[Items listed in a dataset]

####

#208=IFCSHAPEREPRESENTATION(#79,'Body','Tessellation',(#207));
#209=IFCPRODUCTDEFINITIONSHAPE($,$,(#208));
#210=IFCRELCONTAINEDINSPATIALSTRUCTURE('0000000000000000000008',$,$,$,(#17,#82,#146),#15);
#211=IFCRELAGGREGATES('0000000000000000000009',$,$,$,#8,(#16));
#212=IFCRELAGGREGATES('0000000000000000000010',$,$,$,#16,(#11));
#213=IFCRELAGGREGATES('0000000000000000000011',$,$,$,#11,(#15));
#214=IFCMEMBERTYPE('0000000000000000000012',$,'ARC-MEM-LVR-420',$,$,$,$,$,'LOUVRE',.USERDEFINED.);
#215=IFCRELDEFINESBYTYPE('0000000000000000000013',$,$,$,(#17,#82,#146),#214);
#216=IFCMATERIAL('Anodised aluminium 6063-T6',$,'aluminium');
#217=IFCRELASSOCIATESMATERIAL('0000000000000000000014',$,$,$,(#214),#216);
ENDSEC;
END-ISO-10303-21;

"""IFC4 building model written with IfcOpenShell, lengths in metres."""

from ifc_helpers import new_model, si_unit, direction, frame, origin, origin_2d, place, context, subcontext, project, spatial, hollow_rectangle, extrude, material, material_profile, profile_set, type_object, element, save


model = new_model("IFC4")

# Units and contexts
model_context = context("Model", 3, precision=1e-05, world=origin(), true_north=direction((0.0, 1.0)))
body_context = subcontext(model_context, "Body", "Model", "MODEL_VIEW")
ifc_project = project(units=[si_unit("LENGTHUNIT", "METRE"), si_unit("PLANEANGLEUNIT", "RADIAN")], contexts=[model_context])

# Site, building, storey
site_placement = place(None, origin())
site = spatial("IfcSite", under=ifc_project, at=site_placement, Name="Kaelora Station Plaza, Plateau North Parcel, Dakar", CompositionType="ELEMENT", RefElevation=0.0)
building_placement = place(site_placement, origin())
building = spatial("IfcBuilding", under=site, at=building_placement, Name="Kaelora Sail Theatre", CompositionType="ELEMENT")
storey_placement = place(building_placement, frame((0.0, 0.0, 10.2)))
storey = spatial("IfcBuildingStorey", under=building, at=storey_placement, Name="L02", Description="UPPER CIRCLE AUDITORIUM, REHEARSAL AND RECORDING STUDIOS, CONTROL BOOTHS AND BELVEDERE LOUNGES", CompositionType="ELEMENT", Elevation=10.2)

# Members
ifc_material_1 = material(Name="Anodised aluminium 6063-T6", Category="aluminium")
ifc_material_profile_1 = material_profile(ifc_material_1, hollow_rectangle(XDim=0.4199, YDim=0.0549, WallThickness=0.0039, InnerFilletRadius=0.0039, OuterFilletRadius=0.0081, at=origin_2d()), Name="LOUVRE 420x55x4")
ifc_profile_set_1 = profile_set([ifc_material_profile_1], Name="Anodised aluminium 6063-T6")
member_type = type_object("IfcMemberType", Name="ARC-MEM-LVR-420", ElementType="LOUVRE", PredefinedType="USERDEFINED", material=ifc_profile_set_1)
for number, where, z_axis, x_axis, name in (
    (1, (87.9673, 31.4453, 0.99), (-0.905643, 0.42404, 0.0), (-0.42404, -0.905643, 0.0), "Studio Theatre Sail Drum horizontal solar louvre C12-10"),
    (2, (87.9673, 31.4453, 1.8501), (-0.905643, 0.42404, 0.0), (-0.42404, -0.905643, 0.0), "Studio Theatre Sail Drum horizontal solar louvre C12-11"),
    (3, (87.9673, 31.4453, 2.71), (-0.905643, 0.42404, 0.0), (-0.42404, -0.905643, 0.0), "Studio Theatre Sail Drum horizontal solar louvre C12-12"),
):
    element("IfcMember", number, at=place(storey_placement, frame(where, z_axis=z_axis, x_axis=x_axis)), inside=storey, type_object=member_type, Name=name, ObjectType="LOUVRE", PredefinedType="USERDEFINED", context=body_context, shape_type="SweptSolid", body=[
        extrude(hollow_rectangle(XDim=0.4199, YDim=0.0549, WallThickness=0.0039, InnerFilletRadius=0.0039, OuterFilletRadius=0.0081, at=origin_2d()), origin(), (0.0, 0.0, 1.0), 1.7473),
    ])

####

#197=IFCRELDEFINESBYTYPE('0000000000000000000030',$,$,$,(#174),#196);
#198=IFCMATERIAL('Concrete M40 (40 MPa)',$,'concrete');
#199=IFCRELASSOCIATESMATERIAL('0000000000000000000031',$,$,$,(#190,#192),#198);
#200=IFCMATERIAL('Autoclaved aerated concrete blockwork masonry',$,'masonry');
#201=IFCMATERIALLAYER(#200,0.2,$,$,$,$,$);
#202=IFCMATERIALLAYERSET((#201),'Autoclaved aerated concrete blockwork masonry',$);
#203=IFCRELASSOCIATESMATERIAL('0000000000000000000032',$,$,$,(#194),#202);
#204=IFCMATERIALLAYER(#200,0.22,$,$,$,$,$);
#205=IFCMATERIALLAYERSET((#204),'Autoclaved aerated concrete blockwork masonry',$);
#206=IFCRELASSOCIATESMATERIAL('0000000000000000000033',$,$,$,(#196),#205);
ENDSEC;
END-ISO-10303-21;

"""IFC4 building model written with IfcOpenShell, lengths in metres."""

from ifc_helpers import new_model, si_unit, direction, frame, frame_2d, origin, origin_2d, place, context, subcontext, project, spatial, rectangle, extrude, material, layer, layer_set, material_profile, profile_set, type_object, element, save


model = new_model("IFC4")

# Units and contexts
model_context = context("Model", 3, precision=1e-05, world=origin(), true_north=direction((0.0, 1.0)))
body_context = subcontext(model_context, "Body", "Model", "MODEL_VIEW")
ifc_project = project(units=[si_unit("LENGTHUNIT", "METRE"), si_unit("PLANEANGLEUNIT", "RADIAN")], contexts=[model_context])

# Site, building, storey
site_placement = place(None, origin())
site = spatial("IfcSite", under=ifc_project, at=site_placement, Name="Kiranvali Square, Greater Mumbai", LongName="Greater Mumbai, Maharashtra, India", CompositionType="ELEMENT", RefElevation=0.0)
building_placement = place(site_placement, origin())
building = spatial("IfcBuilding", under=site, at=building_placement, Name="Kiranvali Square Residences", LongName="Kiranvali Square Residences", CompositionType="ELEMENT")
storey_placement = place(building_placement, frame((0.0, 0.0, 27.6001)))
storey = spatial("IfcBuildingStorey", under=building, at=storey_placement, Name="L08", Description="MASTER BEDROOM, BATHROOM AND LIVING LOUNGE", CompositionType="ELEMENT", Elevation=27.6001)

####

> Your goal
Look above for the line holding "#208=IFCSHAPEREPRESENTATION(#79,'Body','Tessellation',(#207));" and the line holding "#213=IFCRELAGGREGATES('0000000000000000000011',$,$,$,#11,(#15));", then output exactly those two lines and every line between them, nothing more.

> Answer to this task
#208=IFCSHAPEREPRESENTATION(#79,'Body','Tessellation',(#207));
#209=IFCPRODUCTDEFINITIONSHAPE($,$,(#208));
#210=IFCRELCONTAINEDINSPATIALSTRUCTURE('0000000000000000000008',$,$,$,(#17,#82,#146),#15);
#211=IFCRELAGGREGATES('0000000000000000000009',$,$,$,#8,(#16));
#212=IFCRELAGGREGATES('0000000000000000000010',$,$,$,#16,(#11));
#213=IFCRELAGGREGATES('0000000000000000000011',$,$,$,#11,(#15));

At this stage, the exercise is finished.